• Brief
Reply with one number only: the count of lines below that contain the word "IFCRELDEFINESBYTYPE".

• Source information
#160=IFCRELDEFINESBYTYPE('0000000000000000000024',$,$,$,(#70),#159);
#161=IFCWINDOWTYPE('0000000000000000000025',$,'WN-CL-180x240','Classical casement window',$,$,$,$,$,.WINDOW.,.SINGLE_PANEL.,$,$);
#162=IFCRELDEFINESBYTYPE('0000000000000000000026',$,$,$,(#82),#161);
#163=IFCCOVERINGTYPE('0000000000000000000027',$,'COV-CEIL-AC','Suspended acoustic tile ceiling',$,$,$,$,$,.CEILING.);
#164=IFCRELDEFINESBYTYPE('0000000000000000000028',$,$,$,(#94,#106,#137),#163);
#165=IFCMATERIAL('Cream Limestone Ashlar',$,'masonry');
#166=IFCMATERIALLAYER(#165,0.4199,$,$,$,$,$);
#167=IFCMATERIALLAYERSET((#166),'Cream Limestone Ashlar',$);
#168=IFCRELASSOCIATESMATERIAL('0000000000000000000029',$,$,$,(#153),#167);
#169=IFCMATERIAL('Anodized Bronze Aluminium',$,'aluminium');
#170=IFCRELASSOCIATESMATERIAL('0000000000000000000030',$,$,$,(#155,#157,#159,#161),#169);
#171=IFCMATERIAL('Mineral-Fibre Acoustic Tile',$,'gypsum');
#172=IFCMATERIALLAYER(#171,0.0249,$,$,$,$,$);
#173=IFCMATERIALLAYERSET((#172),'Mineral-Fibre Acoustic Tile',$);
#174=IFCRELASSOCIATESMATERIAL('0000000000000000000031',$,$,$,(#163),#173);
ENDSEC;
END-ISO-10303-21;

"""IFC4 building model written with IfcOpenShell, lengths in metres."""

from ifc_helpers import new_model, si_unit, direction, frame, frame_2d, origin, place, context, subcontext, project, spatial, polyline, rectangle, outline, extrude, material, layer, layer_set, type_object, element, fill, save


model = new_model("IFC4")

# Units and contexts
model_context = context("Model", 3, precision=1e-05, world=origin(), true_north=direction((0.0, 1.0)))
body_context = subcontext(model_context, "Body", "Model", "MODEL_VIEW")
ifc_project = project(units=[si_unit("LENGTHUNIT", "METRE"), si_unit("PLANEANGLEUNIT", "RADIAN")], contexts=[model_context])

• Expected output
3